Reproduce word for word, from the entries below, the line with "#51=IFCPOLYGONALFACESET(#50,$,(#44,#45,#46,#47,#48,#49),$);", the line with "#7=IFCUNITASSIGNMENT((#5,#6));", and every line between them, and nothing more.
===============
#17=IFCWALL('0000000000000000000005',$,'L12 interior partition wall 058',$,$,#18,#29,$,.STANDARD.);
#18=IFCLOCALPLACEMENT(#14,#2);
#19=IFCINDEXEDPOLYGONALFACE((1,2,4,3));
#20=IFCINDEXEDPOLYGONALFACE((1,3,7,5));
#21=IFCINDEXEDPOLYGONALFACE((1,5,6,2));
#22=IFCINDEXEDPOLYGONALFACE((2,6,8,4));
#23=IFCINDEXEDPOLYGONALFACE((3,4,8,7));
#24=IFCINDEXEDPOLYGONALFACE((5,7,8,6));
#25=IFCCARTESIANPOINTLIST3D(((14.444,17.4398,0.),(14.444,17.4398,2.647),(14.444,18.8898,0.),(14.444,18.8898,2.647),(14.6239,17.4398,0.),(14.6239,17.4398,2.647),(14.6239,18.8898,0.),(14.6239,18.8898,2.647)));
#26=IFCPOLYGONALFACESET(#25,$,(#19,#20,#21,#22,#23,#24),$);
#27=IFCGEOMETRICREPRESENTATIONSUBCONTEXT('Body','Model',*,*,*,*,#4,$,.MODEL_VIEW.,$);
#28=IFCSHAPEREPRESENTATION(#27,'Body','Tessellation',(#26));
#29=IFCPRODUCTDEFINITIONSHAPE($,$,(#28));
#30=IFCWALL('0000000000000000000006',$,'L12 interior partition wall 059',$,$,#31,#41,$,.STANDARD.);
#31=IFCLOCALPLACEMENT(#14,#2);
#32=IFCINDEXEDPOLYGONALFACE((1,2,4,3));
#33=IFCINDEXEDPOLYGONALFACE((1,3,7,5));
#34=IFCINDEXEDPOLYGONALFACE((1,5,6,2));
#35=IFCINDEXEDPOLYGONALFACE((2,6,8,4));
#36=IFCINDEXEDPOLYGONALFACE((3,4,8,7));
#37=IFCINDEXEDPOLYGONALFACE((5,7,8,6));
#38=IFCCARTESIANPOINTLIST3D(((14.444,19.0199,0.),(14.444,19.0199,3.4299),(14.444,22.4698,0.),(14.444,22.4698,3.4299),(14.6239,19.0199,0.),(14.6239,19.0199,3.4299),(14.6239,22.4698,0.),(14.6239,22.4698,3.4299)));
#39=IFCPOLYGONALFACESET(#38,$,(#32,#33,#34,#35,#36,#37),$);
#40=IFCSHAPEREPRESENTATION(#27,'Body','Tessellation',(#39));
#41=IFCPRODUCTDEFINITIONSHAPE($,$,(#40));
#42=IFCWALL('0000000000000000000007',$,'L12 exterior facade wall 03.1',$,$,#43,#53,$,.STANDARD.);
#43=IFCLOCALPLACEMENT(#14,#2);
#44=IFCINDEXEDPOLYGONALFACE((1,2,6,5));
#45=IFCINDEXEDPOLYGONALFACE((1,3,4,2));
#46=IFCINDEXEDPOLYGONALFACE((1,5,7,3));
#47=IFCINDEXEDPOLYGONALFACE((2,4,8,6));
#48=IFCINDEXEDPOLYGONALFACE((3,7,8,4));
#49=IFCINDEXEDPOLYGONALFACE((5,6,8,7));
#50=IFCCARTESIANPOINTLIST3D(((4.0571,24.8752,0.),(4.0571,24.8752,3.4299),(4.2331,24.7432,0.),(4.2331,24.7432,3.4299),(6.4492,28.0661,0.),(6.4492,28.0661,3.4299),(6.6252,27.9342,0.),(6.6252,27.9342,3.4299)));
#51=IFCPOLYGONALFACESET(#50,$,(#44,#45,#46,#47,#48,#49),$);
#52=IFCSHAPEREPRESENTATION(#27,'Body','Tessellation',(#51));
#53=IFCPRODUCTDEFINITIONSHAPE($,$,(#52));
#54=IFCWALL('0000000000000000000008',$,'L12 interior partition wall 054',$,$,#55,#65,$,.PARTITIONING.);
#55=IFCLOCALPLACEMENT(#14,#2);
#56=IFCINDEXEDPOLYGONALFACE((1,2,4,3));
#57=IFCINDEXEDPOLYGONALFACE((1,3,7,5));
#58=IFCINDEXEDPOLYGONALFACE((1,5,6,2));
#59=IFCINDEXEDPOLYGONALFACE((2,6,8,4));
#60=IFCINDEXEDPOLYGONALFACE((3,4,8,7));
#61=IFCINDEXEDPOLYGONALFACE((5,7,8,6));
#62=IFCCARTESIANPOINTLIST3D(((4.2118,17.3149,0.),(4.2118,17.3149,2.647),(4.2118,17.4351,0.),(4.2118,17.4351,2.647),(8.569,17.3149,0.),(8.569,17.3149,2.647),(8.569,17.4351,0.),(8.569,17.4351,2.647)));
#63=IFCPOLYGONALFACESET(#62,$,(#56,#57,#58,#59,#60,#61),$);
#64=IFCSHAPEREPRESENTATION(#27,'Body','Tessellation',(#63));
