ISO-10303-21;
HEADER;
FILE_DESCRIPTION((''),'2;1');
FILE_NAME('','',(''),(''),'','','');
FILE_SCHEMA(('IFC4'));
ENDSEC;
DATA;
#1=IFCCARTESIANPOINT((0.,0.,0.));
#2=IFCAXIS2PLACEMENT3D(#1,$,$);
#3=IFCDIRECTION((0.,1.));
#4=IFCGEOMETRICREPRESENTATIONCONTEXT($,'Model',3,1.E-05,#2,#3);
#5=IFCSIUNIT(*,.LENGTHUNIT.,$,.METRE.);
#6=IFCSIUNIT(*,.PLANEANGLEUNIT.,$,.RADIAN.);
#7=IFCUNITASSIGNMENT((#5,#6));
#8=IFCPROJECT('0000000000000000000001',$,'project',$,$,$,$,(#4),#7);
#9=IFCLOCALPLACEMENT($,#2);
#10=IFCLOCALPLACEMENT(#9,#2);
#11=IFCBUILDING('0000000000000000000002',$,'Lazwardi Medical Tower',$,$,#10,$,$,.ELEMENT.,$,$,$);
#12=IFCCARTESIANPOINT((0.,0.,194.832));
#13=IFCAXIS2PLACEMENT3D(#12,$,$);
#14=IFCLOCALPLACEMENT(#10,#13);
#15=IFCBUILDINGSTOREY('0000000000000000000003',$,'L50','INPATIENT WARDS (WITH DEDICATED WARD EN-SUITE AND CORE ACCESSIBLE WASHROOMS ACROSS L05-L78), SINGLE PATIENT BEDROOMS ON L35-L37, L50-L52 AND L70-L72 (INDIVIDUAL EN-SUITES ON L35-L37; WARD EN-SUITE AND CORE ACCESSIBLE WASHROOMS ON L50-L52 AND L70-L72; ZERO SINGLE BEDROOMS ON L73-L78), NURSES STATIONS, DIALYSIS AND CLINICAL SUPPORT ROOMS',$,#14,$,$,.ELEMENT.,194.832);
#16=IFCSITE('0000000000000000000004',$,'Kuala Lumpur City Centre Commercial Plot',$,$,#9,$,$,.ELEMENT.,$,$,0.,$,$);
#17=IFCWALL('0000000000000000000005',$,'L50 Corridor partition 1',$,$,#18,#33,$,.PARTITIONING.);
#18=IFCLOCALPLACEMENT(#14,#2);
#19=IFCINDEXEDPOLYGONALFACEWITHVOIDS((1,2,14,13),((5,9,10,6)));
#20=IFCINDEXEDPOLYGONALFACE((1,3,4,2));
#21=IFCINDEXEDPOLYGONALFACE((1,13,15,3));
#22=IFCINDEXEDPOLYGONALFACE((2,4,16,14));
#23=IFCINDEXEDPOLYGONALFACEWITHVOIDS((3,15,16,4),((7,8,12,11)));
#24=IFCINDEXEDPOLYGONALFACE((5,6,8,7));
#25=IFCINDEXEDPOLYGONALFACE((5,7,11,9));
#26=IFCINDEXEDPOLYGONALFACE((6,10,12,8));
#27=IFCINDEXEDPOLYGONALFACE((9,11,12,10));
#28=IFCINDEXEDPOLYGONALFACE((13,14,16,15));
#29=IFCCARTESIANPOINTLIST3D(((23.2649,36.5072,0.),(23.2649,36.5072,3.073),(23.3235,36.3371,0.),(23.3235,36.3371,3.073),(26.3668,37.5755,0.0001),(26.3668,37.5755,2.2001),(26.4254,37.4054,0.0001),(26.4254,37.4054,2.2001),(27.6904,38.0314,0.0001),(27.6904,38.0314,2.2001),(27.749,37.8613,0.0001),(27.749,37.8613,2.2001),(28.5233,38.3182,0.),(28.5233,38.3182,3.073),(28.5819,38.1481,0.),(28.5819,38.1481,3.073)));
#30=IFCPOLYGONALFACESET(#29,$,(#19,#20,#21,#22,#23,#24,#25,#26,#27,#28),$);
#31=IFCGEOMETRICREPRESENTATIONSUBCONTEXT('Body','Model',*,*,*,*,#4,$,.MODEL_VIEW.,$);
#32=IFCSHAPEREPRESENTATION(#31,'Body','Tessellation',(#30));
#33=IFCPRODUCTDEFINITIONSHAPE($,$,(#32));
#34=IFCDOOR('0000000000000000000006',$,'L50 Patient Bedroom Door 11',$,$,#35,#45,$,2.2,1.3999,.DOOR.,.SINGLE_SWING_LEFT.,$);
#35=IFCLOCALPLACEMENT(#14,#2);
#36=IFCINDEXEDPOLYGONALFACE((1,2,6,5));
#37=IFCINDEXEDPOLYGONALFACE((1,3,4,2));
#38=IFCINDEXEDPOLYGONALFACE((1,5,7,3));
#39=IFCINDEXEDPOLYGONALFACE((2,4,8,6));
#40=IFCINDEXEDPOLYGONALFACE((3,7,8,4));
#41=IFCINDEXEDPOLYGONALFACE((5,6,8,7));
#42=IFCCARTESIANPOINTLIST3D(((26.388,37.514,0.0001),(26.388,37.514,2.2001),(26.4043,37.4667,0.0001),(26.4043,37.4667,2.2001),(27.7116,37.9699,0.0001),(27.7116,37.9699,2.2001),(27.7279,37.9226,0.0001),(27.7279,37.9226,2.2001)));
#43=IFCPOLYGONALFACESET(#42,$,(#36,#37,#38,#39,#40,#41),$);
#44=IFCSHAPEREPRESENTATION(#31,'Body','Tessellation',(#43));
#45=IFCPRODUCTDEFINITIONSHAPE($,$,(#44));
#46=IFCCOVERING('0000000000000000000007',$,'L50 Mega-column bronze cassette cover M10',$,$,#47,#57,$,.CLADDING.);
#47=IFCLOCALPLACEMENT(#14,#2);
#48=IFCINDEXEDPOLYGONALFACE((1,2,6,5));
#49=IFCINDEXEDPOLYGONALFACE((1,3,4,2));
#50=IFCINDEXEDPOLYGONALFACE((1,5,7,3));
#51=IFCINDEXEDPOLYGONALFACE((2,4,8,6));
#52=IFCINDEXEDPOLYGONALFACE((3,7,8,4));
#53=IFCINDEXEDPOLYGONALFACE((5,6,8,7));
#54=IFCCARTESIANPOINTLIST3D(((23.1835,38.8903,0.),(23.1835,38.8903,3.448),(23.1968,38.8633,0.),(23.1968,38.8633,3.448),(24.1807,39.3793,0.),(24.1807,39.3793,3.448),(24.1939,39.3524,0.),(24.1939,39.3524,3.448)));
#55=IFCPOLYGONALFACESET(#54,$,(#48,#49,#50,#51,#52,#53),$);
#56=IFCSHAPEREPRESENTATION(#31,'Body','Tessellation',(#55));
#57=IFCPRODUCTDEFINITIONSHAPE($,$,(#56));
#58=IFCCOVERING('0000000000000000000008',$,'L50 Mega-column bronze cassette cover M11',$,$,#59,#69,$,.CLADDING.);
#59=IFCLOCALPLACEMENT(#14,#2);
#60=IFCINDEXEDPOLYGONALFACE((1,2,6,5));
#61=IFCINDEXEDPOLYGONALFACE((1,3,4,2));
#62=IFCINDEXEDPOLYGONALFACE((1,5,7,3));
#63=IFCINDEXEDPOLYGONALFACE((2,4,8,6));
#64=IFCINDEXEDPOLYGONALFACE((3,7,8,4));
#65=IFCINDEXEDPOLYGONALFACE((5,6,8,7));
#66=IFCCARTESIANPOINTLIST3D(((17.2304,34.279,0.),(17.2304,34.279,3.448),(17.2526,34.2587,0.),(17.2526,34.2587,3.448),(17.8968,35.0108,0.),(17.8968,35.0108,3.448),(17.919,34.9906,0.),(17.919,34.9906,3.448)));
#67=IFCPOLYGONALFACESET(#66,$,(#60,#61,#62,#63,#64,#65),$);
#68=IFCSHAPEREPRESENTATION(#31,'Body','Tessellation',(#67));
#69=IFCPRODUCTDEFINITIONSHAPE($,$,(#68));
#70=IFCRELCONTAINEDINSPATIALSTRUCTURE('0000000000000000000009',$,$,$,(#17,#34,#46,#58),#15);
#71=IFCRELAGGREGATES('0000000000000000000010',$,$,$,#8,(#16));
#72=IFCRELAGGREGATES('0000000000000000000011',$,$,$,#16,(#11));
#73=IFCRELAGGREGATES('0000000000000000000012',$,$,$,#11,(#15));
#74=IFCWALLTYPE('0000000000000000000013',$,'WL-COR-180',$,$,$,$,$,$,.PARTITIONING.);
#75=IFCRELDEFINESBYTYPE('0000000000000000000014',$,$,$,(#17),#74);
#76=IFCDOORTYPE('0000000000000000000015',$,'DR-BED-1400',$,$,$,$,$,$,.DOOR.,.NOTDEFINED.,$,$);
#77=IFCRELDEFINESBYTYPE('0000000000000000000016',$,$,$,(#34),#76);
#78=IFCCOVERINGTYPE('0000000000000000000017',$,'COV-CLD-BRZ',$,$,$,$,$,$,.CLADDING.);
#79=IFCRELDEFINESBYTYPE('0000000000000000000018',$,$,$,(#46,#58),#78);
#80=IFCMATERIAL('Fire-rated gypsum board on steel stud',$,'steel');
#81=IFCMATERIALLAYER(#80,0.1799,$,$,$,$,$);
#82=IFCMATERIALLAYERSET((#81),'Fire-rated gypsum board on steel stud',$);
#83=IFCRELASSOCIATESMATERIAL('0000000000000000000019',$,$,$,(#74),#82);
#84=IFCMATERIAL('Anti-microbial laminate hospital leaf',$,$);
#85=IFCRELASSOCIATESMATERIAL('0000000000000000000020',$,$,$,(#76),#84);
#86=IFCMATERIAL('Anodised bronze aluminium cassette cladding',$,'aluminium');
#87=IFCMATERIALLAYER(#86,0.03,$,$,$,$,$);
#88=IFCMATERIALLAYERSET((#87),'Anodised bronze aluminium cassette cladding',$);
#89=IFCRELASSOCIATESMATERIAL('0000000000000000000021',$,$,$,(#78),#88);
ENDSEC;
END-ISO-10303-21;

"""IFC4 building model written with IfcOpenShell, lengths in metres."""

from ifc_helpers import new_model, si_unit, direction, frame, frame_2d, origin, origin_2d, place, context, subcontext, project, spatial, rectangle, extrude, material, layer, layer_set, type_object, element, fill, save


model = new_model("IFC4")

# Units and contexts
model_context = context("Model", 3, precision=1e-05, world=origin(), true_north=direction((0.0, 1.0)))
body_context = subcontext(model_context, "Body", "Model", "MODEL_VIEW")
ifc_project = project(units=[si_unit("LENGTHUNIT", "METRE"), si_unit("PLANEANGLEUNIT", "RADIAN")], contexts=[model_context])

# Site, building, storey
site_placement = place(None, origin())
site = spatial("IfcSite", under=ifc_project, at=site_placement, Name="Kuala Lumpur City Centre Commercial Plot", CompositionType="ELEMENT", RefElevation=0.0)
building_placement = place(site_placement, origin())
building = spatial("IfcBuilding", under=site, at=building_placement, Name="Lazwardi Medical Tower", CompositionType="ELEMENT")
storey_placement = place(building_placement, frame((0.0, 0.0, 194.832)))
storey = spatial("IfcBuildingStorey", under=building, at=storey_placement, Name="L50", Description="INPATIENT WARDS (WITH DEDICATED WARD EN-SUITE AND CORE ACCESSIBLE WASHROOMS ACROSS L05-L78), SINGLE PATIENT BEDROOMS ON L35-L37, L50-L52 AND L70-L72 (INDIVIDUAL EN-SUITES ON L35-L37; WARD EN-SUITE AND CORE ACCESSIBLE WASHROOMS ON L50-L52 AND L70-L72; ZERO SINGLE BEDROOMS ON L73-L78), NURSES STATIONS, DIALYSIS AND CLINICAL SUPPORT ROOMS", CompositionType="ELEMENT", Elevation=194.832)

# Wall, opening, door
ifc_material_1 = material(Name="Fire-rated gypsum board on steel stud", Category="steel")
ifc_layer_1 = layer(ifc_material_1, 0.1799)
ifc_layer_set_1 = layer_set([ifc_layer_1], Name="Fire-rated gypsum board on steel stud")
wall_type = type_object("IfcWallType", Name="WL-COR-180", PredefinedType="PARTITIONING", material=ifc_layer_set_1)
wall_placement = place(storey_placement, frame((23.2942, 36.4221, 0.0), z_axis=(0.0, 0.0, 1.0), x_axis=(0.945493, 0.325642, 0.0)))
wall = element("IfcWall", 1, at=wall_placement, inside=storey, type_object=wall_type, Name="L50 Corridor partition 1", PredefinedType="PARTITIONING", context=body_context, shape_type="SweptSolid", body=[
    extrude(rectangle(XDim=5.5615, YDim=0.1799, at=frame_2d((2.7808, 0.0))), origin(), (0.0, 0.0, 1.0), 3.073),
])
opening_placement = place(wall_placement, frame((3.2808, 0.0, 0.0)))
opening = element("IfcOpeningElement", 2, at=opening_placement, cuts=wall, PredefinedType="OPENING", context=body_context, shape_type="SweptSolid", body=[
    extrude(rectangle(XDim=1.3999, YDim=2.2, at=frame_2d((0.7, 1.1001))), frame((0.0, 0.0999, 0.0), z_axis=(0.0, -1.0, 0.0), x_axis=(1.0, 0.0, 0.0)), (0.0, 0.0, 1.0), 0.2),
])
ifc_material_2 = material(Name="Anti-microbial laminate hospital leaf")
door_type = type_object("IfcDoorType", Name="DR-BED-1400", OperationType="NOTDEFINED", PredefinedType="DOOR", material=ifc_material_2)
door_placement = place(opening_placement, origin())
door = element("IfcDoor", 3, at=door_placement, inside=storey, type_object=door_type, Name="L50 Patient Bedroom Door 11", OperationType="SINGLE_SWING_LEFT", OverallHeight=2.2, OverallWidth=1.3999, PredefinedType="DOOR", context=body_context, shape_type="SweptSolid", body=[
    extrude(rectangle(XDim=1.3999, YDim=2.2, at=frame_2d((0.7, 1.1001))), frame((0.0, 0.0249, 0.0), z_axis=(0.0, -1.0, 0.0), x_axis=(1.0, 0.0, 0.0)), (0.0, 0.0, 1.0), 0.05),
])
fill(opening, door)

# Coverings
ifc_material_3 = material(Name="Anodised bronze aluminium cassette cladding", Category="aluminium")
ifc_layer_2 = layer(ifc_material_3, 0.03)
ifc_layer_set_2 = layer_set([ifc_layer_2], Name="Anodised bronze aluminium cassette cladding")
covering_type = type_object("IfcCoveringType", Name="COV-CLD-BRZ", PredefinedType="CLADDING", material=ifc_layer_set_2)
covering_1_placement = place(storey_placement, frame((23.6887, 39.1213, 0.0), z_axis=(0.0, 0.0, 1.0), x_axis=(-0.89784, -0.440322, 0.0)))
element("IfcCovering", 4, at=covering_1_placement, inside=storey, type_object=covering_type, Name="L50 Mega-column bronze cassette cover M10", PredefinedType="CLADDING", context=body_context, shape_type="SweptSolid", body=[
    extrude(rectangle(XDim=1.1106, YDim=0.03, at=origin_2d()), origin(), (0.0, 0.0, 1.0), 3.448),
])
covering_2_placement = place(storey_placement, frame((17.5747, 34.6348, 0.0), z_axis=(0.0, 0.0, 1.0), x_axis=(-0.673241, -0.739423, 0.0)))
element("IfcCovering", 5, at=covering_2_placement, inside=storey, type_object=covering_type, Name="L50 Mega-column bronze cassette cover M11", PredefinedType="CLADDING", context=body_context, shape_type="SweptSolid", body=[
    extrude(rectangle(XDim=0.9897, YDim=0.03, at=origin_2d()), origin(), (0.0, 0.0, 1.0), 3.448),
])

save(model, "model.ifc")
===============
» **ANSWER BELOW**
#51=IFCPOLYGONALFACESET(#50,$,(#44,#45,#46,#47,#48,#49),$);
#52=IFCSHAPEREPRESENTATION(#27,'Body','Tessellation',(#51));
#53=IFCPRODUCTDEFINITIONSHAPE($,$,(#52));
#54=IFCWALL('0000000000000000000008',$,'L12 interior partition wall 054',$,$,#55,#65,$,.PARTITIONING.);
#55=IFCLOCALPLACEMENT(#14,#2);
#56=IFCINDEXEDPOLYGONALFACE((1,2,4,3));
#57=IFCINDEXEDPOLYGONALFACE((1,3,7,5));
#58=IFCINDEXEDPOLYGONALFACE((1,5,6,2));
#59=IFCINDEXEDPOLYGONALFACE((2,6,8,4));
#60=IFCINDEXEDPOLYGONALFACE((3,4,8,7));
#61=IFCINDEXEDPOLYGONALFACE((5,7,8,6));
#62=IFCCARTESIANPOINTLIST3D(((4.2118,17.3149,0.),(4.2118,17.3149,2.647),(4.2118,17.4351,0.),(4.2118,17.4351,2.647),(8.569,17.3149,0.),(8.569,17.3149,2.647),(8.569,17.4351,0.),(8.569,17.4351,2.647)));
#63=IFCPOLYGONALFACESET(#62,$,(#56,#57,#58,#59,#60,#61),$);
#64=IFCSHAPEREPRESENTATION(#27,'Body','Tessellation',(#63));
ISO-10303-21;
HEADER;
FILE_DESCRIPTION((''),'2;1');
FILE_NAME('','',(''),(''),'','','');
FILE_SCHEMA(('IFC4'));
ENDSEC;
DATA;
#1=IFCCARTESIANPOINT((0.,0.,0.));
#2=IFCAXIS2PLACEMENT3D(#1,$,$);
#3=IFCDIRECTION((0.,1.));
#4=IFCGEOMETRICREPRESENTATIONCONTEXT($,'Model',3,1.E-05,#2,#3);
#5=IFCSIUNIT(*,.LENGTHUNIT.,$,.METRE.);
#6=IFCSIUNIT(*,.PLANEANGLEUNIT.,$,.RADIAN.);
#7=IFCUNITASSIGNMENT((#5,#6));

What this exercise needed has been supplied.